Stored data:

*** Begin section ***

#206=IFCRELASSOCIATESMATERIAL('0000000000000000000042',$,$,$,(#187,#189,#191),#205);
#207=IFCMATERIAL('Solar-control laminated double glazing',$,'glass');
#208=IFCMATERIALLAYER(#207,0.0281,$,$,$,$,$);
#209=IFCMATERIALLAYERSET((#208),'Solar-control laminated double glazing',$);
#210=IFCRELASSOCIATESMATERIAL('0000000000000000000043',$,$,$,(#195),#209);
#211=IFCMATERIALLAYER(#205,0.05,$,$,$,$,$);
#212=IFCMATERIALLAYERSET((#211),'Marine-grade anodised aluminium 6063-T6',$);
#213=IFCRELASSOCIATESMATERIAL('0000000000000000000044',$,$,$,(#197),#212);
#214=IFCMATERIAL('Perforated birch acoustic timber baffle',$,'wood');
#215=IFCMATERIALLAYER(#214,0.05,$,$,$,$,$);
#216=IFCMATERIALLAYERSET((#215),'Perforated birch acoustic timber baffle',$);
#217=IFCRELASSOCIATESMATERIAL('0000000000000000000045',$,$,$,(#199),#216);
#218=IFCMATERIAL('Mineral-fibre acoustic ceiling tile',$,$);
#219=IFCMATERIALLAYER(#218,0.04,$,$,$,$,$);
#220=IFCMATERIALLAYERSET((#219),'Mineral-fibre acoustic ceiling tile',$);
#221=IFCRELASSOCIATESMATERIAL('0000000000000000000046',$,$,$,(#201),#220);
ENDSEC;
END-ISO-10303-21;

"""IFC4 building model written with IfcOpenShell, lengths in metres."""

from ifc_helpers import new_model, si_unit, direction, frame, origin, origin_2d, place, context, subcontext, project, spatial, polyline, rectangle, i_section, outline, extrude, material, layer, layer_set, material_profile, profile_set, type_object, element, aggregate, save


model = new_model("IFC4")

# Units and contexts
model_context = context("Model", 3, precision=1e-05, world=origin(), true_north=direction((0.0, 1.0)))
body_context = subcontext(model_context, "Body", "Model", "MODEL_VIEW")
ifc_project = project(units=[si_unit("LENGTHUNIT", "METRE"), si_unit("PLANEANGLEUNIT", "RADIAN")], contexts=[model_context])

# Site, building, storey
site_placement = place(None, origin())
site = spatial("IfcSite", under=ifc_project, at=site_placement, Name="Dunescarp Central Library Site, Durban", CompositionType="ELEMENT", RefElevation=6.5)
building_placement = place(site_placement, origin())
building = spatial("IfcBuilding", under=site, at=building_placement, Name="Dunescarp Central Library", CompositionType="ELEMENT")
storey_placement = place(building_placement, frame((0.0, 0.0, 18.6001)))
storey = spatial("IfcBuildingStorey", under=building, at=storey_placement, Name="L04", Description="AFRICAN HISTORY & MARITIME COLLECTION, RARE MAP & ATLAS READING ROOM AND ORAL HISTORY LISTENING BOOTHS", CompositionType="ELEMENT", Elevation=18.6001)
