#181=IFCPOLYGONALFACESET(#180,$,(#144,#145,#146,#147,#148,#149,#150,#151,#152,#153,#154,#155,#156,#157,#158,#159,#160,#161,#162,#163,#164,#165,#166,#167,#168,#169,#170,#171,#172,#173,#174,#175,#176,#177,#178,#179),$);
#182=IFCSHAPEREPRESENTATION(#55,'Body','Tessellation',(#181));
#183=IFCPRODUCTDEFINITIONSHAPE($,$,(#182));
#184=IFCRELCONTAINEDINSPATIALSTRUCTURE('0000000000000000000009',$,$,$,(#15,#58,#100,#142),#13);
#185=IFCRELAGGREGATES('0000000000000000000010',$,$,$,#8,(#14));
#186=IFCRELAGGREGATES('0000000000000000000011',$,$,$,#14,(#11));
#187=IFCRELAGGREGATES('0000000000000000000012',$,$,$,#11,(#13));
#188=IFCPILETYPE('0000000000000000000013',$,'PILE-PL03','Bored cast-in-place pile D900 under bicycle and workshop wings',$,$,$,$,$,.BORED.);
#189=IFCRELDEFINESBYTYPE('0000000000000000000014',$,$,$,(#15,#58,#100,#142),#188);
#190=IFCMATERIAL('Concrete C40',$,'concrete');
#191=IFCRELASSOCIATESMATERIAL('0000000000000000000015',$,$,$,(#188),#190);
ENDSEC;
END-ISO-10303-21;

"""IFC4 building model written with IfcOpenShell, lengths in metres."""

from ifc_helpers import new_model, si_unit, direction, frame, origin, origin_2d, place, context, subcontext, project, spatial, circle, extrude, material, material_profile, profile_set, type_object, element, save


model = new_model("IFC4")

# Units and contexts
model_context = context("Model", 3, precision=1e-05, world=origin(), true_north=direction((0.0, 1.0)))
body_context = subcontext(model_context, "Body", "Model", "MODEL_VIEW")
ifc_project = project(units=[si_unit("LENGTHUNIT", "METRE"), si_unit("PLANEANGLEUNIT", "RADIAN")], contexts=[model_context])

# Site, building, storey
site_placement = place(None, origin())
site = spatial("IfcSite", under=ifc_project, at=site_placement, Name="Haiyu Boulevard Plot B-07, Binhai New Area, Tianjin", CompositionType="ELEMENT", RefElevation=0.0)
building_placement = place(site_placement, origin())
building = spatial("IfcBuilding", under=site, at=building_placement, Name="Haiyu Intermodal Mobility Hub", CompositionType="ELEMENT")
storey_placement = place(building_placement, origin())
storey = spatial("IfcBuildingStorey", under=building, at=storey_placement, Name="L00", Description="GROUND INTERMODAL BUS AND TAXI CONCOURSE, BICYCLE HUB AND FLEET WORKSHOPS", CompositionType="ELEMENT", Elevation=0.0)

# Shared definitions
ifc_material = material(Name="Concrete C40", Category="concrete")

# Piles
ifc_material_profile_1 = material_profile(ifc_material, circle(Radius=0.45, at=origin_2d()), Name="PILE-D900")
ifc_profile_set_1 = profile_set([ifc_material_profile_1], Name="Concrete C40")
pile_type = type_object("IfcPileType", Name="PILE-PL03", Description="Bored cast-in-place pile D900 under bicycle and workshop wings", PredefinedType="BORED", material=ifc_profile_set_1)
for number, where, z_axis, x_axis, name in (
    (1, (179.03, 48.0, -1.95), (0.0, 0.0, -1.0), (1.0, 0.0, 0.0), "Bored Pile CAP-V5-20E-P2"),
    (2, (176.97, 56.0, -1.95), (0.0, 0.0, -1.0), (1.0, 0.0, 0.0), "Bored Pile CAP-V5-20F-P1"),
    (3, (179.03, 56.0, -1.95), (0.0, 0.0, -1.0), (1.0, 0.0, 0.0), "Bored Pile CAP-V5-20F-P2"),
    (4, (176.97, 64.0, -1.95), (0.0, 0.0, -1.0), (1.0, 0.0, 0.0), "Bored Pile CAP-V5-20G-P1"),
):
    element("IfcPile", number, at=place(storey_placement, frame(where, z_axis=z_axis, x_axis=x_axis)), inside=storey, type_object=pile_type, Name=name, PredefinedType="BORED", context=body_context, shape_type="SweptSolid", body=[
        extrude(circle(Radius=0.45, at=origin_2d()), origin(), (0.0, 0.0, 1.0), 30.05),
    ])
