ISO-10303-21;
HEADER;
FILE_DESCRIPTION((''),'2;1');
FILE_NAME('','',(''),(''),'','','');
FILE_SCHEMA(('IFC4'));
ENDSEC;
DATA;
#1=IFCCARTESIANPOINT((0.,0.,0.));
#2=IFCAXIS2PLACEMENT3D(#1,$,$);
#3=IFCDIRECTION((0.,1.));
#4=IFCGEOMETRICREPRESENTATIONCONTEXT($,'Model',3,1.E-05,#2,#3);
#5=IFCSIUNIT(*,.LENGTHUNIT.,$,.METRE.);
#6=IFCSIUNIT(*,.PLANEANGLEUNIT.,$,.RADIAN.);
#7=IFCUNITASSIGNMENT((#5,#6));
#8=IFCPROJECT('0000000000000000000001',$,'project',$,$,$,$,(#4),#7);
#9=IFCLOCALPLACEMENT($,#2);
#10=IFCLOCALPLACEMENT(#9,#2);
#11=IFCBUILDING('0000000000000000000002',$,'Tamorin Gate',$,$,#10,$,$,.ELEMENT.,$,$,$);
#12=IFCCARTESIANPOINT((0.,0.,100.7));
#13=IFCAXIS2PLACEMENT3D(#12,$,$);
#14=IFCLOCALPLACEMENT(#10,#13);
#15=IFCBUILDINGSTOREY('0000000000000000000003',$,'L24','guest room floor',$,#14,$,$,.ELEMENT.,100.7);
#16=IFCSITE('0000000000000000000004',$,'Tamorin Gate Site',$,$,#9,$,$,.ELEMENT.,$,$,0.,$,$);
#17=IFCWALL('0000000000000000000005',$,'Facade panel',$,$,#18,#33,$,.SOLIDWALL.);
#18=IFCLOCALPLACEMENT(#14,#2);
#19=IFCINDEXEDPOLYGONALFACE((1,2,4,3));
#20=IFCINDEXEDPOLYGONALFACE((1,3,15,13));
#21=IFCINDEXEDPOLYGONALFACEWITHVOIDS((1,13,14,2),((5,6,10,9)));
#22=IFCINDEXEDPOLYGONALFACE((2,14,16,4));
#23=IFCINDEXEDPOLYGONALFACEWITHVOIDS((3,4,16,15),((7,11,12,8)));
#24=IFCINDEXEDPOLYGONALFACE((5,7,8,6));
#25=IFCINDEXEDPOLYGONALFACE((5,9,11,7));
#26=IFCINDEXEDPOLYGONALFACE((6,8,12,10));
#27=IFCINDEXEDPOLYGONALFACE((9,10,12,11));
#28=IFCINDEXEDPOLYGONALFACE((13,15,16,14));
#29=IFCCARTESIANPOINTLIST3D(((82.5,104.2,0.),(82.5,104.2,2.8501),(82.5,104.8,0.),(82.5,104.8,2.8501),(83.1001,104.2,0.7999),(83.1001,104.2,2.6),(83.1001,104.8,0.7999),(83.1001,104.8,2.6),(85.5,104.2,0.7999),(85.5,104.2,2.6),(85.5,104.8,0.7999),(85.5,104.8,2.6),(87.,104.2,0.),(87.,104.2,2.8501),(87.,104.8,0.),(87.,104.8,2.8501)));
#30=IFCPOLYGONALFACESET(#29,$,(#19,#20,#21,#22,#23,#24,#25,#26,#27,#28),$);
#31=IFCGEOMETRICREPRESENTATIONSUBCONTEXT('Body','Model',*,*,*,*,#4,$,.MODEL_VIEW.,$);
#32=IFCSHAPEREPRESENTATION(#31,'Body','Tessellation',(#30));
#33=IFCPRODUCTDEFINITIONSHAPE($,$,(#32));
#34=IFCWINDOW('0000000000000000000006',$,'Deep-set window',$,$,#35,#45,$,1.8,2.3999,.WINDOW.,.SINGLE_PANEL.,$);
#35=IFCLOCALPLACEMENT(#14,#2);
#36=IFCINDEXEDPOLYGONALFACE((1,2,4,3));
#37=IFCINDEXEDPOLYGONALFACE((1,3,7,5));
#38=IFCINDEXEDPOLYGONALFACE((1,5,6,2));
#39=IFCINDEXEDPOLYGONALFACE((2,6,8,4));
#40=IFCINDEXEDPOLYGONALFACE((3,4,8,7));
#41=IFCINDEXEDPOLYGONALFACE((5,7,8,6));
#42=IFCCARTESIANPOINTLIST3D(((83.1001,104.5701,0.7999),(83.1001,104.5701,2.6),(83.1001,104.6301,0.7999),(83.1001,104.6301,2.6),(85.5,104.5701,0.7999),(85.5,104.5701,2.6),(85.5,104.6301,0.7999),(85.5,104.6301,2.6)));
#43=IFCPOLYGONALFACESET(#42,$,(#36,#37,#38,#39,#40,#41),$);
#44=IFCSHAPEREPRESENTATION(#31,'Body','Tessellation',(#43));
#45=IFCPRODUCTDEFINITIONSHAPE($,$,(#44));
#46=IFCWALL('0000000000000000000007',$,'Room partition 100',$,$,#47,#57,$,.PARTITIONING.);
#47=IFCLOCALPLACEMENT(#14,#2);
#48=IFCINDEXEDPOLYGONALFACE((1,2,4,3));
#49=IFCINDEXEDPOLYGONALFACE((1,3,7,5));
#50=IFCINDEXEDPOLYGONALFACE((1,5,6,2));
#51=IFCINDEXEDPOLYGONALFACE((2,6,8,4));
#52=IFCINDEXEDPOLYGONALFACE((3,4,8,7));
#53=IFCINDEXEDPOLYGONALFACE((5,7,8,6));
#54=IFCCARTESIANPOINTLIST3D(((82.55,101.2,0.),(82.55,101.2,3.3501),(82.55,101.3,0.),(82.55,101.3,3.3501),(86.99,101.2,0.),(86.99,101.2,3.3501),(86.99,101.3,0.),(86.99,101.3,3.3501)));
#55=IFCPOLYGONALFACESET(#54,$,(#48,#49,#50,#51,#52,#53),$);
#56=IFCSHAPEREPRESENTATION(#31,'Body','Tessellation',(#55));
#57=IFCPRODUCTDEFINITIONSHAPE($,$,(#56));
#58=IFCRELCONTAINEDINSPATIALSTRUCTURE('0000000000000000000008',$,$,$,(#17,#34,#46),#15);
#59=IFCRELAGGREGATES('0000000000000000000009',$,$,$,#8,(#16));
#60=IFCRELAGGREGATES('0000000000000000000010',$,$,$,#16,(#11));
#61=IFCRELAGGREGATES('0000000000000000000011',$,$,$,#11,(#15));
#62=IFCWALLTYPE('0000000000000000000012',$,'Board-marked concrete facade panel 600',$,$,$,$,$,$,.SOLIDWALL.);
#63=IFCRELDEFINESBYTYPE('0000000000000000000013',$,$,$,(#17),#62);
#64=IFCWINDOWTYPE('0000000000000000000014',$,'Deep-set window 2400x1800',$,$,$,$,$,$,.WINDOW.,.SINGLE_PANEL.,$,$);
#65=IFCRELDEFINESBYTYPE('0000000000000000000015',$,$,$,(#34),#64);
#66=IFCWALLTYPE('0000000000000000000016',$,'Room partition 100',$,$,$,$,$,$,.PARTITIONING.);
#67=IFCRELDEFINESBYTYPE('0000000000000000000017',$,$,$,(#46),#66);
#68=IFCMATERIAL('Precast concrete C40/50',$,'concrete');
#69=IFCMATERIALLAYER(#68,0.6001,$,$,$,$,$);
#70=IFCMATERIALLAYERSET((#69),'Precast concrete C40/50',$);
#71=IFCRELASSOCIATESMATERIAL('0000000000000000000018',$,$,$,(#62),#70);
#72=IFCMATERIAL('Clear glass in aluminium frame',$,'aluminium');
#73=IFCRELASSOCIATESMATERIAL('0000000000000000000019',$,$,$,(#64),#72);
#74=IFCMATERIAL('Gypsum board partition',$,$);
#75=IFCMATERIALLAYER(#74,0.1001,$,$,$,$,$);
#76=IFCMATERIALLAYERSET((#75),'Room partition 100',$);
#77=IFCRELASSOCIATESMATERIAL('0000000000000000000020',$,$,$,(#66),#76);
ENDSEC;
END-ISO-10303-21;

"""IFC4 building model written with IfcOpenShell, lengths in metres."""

from ifc_helpers import new_model, si_unit, direction, frame, frame_2d, origin, place, context, subcontext, project, spatial, rectangle, extrude, material, layer, layer_set, type_object, element, fill, save


model = new_model("IFC4")

# Units and contexts
model_context = context("Model", 3, precision=1e-05, world=origin(), true_north=direction((0.0, 1.0)))
body_context = subcontext(model_context, "Body", "Model", "MODEL_VIEW")
ifc_project = project(units=[si_unit("LENGTHUNIT", "METRE"), si_unit("PLANEANGLEUNIT", "RADIAN")], contexts=[model_context])

# Site, building, storey
site_placement = place(None, origin())
site = spatial("IfcSite", under=ifc_project, at=site_placement, Name="Tamorin Gate Site", CompositionType="ELEMENT", RefElevation=0.0)
building_placement = place(site_placement, origin())
building = spatial("IfcBuilding", under=site, at=building_placement, Name="Tamorin Gate", CompositionType="ELEMENT")
storey_placement = place(building_placement, frame((0.0, 0.0, 100.7)))
storey = spatial("IfcBuildingStorey", under=building, at=storey_placement, Name="L24", Description="guest room floor", CompositionType="ELEMENT", Elevation=100.7)

# Shared definitions
ifc_material_1 = material(Name="Precast concrete C40/50", Category="concrete")
ifc_layer_1 = layer(ifc_material_1, 0.6001)
ifc_layer_set_1 = layer_set([ifc_layer_1], Name="Precast concrete C40/50")
wall_type_1 = type_object("IfcWallType", Name="Board-marked concrete facade panel 600", PredefinedType="SOLIDWALL", material=ifc_layer_set_1)
ifc_material_2 = material(Name="Clear glass in aluminium frame", Category="aluminium")
window_type = type_object("IfcWindowType", Name="Deep-set window 2400x1800", PartitioningType="SINGLE_PANEL", PredefinedType="WINDOW", material=ifc_material_2)

# Wall, opening, window
wall_1_placement = place(storey_placement, frame((87.0, 104.5, 0.0), z_axis=(0.0, 0.0, 1.0), x_axis=(-1.0, 0.0, 0.0)))
wall_1 = element("IfcWall", 1, at=wall_1_placement, inside=storey, type_object=wall_type_1, Name="Facade panel", PredefinedType="SOLIDWALL", context=body_context, shape_type="SweptSolid", body=[
    extrude(rectangle(XDim=4.5, YDim=0.6001, at=frame_2d((2.25, 0.0))), origin(), (0.0, 0.0, 1.0), 2.8501),
])
opening_1_placement = place(wall_1_placement, frame((1.5, 0.0, 0.8)))
opening_1 = element("IfcOpeningElement", 2, at=opening_1_placement, cuts=wall_1, PredefinedType="OPENING", context=body_context, shape_type="SweptSolid", body=[
    extrude(rectangle(XDim=2.3999, YDim=1.8, at=frame_2d((1.2, 0.8999))), frame((0.0, 0.3101, 0.0), z_axis=(0.0, -1.0, 0.0), x_axis=(1.0, 0.0, 0.0)), (0.0, 0.0, 1.0), 0.6201),
])
window_1_placement = place(opening_1_placement, origin())
window_1 = element("IfcWindow", 3, at=window_1_placement, inside=storey, type_object=window_type, Name="Deep-set window", OverallHeight=1.8, OverallWidth=2.3999, PartitioningType="SINGLE_PANEL", PredefinedType="WINDOW", context=body_context, shape_type="SweptSolid", body=[
    extrude(rectangle(XDim=2.3999, YDim=1.8, at=frame_2d((1.2, 0.8999))), frame((0.0, -0.0701, 0.0), z_axis=(0.0, -1.0, 0.0), x_axis=(1.0, 0.0, 0.0)), (0.0, 0.0, 1.0), 0.0601),
])
fill(opening_1, window_1)

# Wall
ifc_material_3 = material(Name="Gypsum board partition")
ifc_layer_2 = layer(ifc_material_3, 0.1001)
ifc_layer_set_2 = layer_set([ifc_layer_2], Name="Room partition 100")
wall_type_2 = type_object("IfcWallType", Name="Room partition 100", PredefinedType="PARTITIONING", material=ifc_layer_set_2)
wall_2_placement = place(storey_placement, frame((82.55, 101.25, 0.0), z_axis=(0.0, 0.0, 1.0), x_axis=(1.0, 0.0, 0.0)))
element("IfcWall", 4, at=wall_2_placement, inside=storey, type_object=wall_type_2, Name="Room partition 100", PredefinedType="PARTITIONING", context=body_context, shape_type="SweptSolid", body=[
    extrude(rectangle(XDim=4.4399, YDim=0.1001, at=frame_2d((2.22, 0.0))), origin(), (0.0, 0.0, 1.0), 3.3501),
])

save(model, "model.ifc")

*** End section ***

REQUIRED WORK: Your task is to find every line above containing the word "circle" and copy it.

RESPONSE FOR THIS EXERCISE:
from ifc_helpers import new_model, si_unit, direction, frame, origin, origin_2d, place, context, subcontext, project, spatial, circle, extrude, material, material_profile, profile_set, type_object, element, save
ifc_material_profile_1 = material_profile(ifc_material, circle(Radius=0.45, at=origin_2d()), Name="PILE-D900")
        extrude(circle(Radius=0.45, at=origin_2d()), origin(), (0.0, 0.0, 1.0), 30.05),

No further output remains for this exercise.